> EXERCISE INSTRUCTIONS
Wherever "Stainless" appears in the records below, copy the line that holds it.

Items from a dataset:

········

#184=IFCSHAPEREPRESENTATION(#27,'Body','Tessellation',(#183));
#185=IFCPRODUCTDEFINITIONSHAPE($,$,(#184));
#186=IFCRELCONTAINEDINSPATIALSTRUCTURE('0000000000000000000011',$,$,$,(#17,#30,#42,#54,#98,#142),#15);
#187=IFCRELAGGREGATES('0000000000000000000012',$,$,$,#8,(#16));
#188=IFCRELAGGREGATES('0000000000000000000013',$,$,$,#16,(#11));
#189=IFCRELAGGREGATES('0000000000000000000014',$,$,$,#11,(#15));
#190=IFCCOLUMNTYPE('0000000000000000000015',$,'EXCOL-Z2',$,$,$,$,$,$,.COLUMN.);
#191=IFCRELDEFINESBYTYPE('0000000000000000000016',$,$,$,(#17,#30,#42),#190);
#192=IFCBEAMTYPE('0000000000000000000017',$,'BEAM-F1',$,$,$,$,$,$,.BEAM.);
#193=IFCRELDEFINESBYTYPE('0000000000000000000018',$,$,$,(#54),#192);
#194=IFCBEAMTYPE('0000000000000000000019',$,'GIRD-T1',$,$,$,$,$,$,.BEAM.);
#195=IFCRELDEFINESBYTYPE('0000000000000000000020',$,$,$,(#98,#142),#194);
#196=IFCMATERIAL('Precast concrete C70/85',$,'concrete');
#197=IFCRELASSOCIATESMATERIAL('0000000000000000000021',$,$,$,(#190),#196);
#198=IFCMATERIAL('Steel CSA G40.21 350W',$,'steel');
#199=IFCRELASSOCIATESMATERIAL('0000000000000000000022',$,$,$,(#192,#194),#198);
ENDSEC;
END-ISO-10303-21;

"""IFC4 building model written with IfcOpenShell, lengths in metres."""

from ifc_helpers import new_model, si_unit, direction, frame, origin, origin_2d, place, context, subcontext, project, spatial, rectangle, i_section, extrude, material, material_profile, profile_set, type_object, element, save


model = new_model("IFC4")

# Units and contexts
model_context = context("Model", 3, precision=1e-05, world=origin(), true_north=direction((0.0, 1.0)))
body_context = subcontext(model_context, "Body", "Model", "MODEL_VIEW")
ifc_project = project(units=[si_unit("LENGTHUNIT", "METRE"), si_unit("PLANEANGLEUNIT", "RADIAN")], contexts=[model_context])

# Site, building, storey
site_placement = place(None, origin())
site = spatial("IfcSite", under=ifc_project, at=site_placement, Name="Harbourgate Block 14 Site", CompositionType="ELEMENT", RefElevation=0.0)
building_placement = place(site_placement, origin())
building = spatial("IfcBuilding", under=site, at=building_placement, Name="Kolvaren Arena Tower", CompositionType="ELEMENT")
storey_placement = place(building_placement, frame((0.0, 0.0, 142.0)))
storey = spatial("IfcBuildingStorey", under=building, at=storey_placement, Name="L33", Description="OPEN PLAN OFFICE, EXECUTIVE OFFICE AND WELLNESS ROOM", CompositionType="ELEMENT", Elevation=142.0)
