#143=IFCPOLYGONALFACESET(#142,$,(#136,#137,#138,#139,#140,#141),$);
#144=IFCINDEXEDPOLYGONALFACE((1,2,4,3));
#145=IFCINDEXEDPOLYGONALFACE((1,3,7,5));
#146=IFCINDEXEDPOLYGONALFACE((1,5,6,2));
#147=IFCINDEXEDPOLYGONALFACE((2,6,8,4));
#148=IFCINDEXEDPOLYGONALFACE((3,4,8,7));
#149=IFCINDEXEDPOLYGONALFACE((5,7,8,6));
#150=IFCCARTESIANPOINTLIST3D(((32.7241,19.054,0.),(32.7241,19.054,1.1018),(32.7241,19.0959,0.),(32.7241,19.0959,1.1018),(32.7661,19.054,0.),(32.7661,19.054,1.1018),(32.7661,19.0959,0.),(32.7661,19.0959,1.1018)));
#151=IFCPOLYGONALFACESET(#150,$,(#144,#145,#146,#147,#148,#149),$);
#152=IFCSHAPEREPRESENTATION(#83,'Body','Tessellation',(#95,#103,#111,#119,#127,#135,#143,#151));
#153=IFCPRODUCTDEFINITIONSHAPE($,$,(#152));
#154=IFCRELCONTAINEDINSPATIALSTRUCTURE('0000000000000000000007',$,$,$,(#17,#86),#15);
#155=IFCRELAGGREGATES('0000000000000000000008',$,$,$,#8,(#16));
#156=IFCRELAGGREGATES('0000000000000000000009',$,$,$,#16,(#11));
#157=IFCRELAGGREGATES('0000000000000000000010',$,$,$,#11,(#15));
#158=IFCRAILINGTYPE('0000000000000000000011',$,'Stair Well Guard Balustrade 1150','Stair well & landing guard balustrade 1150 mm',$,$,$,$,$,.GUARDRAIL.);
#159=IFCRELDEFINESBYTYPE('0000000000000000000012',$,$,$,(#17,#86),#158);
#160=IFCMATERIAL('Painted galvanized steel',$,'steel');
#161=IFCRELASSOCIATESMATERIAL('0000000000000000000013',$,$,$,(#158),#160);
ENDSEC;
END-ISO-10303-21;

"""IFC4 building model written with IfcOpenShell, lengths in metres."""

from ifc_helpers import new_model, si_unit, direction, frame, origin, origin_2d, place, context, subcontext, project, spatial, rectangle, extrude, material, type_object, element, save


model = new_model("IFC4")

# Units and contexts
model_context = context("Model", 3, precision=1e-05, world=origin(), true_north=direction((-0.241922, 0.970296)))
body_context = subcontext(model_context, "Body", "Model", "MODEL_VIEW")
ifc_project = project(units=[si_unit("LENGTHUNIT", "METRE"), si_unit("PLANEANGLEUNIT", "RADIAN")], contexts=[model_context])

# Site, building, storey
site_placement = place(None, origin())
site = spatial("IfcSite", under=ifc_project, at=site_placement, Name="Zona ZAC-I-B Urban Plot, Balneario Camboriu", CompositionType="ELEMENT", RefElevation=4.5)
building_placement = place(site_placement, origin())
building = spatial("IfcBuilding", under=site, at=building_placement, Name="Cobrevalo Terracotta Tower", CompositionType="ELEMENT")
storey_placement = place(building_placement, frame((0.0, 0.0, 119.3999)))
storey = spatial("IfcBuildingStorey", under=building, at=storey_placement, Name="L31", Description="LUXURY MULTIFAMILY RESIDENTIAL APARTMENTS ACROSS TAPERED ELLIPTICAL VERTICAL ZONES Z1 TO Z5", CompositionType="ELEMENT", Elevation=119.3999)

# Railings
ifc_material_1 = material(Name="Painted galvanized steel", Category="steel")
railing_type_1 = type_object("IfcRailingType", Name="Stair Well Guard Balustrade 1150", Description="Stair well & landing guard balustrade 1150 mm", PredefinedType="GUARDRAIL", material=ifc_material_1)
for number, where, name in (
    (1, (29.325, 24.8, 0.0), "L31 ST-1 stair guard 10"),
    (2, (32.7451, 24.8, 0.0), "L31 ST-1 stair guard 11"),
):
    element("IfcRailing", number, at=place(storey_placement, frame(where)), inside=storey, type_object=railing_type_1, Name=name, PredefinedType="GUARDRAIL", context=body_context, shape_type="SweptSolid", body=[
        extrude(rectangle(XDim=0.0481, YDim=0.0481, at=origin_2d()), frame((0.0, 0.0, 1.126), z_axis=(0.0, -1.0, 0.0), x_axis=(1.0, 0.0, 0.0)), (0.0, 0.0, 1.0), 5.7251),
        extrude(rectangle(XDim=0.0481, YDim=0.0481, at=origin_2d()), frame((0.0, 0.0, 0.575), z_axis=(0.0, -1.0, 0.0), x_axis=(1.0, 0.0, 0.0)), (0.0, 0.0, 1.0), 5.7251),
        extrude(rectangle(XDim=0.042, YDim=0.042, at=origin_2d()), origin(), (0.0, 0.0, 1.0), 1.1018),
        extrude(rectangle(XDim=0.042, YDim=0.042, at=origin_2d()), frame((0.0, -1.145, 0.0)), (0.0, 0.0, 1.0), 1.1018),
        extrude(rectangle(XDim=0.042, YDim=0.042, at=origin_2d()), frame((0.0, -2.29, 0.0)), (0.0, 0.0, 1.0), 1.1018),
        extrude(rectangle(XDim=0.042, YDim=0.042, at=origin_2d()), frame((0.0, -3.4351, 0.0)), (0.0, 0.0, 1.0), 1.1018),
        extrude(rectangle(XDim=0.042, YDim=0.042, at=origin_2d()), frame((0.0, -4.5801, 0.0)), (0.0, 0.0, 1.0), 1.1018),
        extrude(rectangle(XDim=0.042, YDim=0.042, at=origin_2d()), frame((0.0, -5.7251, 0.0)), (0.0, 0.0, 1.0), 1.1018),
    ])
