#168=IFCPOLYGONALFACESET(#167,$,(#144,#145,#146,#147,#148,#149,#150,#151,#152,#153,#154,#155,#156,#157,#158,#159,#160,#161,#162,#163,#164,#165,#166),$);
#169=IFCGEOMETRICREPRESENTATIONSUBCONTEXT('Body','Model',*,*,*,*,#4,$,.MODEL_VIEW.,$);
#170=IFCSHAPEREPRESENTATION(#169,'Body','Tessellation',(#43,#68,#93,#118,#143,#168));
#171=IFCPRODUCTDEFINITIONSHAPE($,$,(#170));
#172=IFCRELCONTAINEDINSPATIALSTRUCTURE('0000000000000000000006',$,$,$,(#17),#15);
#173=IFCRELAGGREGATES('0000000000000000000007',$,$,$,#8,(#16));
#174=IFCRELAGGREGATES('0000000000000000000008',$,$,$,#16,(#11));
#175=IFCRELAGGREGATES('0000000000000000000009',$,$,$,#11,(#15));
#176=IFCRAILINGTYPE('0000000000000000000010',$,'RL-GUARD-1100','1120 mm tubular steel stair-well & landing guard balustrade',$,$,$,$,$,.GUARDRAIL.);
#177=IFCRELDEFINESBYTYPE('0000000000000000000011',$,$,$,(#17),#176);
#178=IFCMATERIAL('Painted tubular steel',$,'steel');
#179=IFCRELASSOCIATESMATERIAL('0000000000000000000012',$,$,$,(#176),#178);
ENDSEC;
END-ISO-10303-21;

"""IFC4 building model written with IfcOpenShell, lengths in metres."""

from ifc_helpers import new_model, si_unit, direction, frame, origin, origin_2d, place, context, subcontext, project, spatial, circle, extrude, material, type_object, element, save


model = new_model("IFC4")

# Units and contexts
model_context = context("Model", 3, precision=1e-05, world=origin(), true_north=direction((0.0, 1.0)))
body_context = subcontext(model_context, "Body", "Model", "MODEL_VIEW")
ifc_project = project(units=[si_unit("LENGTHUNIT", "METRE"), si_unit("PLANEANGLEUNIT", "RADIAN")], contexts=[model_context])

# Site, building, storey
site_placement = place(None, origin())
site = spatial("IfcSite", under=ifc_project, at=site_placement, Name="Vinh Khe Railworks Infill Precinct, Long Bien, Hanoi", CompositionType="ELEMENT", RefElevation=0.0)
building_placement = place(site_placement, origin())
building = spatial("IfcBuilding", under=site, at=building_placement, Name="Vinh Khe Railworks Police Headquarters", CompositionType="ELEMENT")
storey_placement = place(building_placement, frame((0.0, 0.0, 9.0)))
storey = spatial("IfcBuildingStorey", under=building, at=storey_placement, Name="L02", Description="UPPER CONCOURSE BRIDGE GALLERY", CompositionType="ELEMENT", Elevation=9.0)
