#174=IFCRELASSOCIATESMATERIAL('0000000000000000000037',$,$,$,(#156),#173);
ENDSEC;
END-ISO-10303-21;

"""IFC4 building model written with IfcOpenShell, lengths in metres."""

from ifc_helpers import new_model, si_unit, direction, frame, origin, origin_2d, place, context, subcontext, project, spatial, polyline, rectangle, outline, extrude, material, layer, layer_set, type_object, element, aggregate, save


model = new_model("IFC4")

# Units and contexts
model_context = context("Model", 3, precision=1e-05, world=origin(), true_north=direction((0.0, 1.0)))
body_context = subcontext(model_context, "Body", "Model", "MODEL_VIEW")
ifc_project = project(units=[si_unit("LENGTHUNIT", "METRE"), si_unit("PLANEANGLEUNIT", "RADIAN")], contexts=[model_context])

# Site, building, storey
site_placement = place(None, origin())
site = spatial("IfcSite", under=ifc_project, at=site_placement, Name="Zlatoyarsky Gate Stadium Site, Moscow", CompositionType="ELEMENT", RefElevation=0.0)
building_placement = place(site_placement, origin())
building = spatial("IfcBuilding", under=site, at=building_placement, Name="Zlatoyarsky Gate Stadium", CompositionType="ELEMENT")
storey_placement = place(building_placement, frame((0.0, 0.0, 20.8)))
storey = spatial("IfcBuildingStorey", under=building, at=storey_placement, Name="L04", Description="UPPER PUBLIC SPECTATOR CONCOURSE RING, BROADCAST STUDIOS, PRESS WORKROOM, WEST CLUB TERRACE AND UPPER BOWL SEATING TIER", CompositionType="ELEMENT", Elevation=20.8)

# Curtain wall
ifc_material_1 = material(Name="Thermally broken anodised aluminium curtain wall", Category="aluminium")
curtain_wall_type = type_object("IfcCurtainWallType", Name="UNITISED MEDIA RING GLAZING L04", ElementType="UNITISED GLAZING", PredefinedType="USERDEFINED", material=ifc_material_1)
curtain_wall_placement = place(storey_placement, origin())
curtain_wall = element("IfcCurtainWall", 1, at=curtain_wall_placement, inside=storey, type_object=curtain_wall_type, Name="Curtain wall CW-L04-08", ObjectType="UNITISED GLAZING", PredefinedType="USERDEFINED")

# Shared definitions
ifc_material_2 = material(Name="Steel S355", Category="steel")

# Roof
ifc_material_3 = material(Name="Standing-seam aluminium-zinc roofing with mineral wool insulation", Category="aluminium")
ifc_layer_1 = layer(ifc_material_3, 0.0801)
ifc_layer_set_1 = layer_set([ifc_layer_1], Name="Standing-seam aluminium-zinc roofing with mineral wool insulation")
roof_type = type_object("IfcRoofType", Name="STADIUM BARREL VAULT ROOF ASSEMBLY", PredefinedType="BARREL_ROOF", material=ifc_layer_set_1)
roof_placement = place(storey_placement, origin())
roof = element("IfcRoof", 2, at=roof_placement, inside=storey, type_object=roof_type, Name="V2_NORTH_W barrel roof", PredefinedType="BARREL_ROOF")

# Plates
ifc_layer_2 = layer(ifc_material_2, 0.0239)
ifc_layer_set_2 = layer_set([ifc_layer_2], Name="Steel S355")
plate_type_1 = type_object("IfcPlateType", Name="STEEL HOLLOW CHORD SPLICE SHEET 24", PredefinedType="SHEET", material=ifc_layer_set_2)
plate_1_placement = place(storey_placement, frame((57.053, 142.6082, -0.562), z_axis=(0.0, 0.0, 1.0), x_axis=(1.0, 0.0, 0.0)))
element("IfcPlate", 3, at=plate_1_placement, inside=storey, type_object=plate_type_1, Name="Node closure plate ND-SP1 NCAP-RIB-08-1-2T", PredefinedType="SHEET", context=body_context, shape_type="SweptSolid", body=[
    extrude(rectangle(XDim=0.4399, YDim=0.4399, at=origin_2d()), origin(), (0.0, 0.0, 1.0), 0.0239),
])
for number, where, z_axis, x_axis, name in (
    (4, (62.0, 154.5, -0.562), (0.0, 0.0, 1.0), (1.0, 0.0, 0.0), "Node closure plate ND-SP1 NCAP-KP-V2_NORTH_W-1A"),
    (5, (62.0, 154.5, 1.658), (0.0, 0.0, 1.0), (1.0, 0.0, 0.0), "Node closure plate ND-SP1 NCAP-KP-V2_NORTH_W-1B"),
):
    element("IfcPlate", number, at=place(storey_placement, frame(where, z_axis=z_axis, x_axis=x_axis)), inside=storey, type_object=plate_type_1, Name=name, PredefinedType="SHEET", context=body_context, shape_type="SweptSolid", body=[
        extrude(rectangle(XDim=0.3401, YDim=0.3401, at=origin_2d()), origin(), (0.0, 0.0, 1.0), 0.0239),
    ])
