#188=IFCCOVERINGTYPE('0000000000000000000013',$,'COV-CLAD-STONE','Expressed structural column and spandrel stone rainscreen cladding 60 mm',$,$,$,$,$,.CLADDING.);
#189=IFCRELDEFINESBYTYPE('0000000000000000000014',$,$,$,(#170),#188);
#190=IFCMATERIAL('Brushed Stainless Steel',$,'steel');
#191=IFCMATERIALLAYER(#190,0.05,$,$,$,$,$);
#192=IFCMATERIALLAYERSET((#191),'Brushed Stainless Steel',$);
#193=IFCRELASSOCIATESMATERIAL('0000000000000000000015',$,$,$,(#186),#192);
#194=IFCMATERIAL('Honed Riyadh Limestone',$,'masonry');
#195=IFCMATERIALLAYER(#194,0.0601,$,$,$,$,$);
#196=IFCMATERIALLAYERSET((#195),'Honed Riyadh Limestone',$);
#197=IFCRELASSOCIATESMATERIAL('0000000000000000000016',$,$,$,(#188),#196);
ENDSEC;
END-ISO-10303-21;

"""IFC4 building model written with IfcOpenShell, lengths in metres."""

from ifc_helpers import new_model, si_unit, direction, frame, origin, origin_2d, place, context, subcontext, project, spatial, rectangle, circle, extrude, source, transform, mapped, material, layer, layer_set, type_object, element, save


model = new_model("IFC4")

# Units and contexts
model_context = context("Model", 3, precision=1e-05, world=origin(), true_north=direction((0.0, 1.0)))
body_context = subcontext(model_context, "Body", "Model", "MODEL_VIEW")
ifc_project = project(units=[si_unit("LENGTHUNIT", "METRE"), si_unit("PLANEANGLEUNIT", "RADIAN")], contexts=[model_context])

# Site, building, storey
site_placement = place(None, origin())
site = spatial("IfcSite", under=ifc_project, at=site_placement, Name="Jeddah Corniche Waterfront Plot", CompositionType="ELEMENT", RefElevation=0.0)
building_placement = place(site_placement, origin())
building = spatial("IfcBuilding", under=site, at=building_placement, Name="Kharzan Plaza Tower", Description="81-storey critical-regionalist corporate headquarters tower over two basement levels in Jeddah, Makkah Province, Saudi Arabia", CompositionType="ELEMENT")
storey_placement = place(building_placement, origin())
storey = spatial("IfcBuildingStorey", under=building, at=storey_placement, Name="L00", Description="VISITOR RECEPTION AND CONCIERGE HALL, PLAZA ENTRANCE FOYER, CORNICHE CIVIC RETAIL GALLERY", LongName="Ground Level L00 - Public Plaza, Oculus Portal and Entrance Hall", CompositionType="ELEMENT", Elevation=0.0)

········

> ANSWER SECTION
#190=IFCMATERIAL('Brushed Stainless Steel',$,'steel');
#192=IFCMATERIALLAYERSET((#191),'Brushed Stainless Steel',$);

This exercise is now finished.